▶ **Required work**: Among the entries that follow, count the lines that contain the word "Body" and say how many there are, writing nothing else.

▶ **Data for processing**:
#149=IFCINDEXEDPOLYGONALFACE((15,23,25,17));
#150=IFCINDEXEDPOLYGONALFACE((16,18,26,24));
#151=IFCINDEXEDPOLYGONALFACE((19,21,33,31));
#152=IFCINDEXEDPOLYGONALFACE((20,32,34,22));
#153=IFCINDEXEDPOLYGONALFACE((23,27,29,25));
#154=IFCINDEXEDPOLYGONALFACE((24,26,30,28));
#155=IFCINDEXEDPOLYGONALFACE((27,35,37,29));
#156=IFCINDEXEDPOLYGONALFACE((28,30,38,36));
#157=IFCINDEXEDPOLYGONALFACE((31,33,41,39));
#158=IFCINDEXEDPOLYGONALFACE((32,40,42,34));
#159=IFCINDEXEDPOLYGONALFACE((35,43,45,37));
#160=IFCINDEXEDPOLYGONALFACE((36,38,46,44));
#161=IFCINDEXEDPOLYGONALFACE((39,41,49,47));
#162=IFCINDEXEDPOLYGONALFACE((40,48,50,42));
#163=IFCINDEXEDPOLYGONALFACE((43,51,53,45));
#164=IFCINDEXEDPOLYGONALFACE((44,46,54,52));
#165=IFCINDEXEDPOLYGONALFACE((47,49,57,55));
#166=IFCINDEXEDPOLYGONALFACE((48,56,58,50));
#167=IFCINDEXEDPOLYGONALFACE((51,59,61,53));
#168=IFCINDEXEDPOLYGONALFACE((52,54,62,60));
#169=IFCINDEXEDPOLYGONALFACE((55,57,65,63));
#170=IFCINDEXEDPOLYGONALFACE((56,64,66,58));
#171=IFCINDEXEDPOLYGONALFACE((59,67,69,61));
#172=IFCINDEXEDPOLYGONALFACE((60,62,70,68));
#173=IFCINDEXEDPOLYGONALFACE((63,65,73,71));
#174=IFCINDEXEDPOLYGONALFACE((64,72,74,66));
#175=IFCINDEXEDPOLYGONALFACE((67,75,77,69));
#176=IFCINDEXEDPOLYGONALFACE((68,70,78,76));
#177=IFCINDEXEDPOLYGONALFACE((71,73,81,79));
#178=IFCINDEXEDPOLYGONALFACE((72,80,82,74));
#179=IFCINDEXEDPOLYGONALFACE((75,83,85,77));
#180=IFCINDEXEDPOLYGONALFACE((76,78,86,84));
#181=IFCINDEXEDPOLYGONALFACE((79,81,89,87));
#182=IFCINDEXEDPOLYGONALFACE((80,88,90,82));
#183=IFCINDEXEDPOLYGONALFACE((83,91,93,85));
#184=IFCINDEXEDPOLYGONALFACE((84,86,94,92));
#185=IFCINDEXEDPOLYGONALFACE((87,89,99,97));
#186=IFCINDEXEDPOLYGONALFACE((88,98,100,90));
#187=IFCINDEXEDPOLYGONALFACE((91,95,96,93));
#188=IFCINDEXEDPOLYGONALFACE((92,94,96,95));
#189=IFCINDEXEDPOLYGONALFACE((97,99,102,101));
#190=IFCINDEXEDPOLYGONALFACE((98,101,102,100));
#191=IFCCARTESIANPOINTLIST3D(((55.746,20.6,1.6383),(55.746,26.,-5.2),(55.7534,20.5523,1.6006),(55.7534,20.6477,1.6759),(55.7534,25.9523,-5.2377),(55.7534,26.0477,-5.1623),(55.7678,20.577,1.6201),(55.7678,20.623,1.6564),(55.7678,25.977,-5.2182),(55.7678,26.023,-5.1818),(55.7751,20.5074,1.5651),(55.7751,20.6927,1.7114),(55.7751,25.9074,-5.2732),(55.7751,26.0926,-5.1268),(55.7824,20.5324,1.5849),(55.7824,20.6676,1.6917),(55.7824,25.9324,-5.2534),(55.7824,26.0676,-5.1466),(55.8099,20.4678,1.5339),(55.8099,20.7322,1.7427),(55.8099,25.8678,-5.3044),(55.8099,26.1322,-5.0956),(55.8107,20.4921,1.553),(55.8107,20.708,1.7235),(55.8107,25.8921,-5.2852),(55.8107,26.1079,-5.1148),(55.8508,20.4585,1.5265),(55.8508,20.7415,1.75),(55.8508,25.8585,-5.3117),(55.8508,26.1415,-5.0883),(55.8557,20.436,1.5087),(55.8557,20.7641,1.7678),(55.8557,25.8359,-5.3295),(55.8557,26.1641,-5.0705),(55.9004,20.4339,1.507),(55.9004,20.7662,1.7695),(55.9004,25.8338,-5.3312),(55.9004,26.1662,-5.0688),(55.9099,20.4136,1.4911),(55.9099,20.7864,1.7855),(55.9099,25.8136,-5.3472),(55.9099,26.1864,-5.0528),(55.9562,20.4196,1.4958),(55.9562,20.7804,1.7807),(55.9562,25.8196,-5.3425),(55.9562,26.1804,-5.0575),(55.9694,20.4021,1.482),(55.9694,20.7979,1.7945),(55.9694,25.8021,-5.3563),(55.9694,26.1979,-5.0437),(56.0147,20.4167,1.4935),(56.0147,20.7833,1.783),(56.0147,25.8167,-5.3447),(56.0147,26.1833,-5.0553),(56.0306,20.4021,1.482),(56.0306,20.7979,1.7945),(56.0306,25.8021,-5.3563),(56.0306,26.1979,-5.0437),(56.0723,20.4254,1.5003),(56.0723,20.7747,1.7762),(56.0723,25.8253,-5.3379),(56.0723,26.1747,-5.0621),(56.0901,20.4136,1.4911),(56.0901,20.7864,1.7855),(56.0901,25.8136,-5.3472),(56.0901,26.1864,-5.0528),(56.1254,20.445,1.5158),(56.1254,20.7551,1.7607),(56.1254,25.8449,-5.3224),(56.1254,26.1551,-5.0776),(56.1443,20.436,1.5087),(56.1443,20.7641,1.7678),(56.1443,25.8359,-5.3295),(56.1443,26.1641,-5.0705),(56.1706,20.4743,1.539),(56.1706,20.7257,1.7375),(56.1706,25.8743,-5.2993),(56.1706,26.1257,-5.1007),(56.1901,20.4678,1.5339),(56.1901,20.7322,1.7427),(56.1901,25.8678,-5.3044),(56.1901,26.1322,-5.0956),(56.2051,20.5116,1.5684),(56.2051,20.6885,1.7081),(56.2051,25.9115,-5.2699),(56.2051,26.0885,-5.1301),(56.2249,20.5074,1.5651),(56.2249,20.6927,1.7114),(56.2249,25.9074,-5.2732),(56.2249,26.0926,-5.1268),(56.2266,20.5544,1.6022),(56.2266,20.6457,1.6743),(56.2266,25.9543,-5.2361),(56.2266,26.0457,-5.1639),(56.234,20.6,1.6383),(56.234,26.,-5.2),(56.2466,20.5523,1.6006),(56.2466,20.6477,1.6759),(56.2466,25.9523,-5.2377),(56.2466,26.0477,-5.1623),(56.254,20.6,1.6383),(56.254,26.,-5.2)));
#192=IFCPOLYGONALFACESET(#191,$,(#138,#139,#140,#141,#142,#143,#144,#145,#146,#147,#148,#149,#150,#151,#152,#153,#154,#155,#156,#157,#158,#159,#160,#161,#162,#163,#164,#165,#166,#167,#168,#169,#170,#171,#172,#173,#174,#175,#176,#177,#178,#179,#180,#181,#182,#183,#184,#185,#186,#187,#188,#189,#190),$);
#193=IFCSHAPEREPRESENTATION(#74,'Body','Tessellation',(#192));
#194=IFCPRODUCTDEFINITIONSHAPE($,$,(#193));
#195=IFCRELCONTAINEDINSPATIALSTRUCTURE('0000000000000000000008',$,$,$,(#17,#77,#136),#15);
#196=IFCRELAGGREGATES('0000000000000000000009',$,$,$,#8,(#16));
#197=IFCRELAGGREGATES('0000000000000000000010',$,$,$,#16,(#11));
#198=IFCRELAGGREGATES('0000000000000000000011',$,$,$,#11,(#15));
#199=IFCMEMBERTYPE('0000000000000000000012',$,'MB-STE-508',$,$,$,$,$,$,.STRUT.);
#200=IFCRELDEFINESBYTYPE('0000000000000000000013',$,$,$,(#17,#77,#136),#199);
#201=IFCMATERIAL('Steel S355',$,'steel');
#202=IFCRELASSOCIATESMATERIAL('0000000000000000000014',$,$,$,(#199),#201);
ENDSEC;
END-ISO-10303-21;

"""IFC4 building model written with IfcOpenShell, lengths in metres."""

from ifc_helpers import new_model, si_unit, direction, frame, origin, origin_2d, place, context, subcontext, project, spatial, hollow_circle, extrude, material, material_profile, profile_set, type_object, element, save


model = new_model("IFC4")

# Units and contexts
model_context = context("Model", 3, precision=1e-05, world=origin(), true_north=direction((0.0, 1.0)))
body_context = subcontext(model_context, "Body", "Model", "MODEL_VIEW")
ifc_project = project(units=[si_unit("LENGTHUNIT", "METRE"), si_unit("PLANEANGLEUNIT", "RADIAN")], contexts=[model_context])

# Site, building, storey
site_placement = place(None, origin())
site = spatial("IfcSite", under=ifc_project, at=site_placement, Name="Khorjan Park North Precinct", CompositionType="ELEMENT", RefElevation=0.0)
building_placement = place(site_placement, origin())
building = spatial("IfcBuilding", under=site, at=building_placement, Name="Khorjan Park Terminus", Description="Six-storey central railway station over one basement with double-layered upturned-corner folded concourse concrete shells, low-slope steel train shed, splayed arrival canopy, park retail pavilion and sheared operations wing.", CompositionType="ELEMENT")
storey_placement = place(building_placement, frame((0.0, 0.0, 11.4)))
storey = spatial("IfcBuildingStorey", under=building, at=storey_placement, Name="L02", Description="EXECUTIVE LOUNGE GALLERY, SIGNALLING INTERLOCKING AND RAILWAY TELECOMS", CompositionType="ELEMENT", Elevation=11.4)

▶ **Output**: 2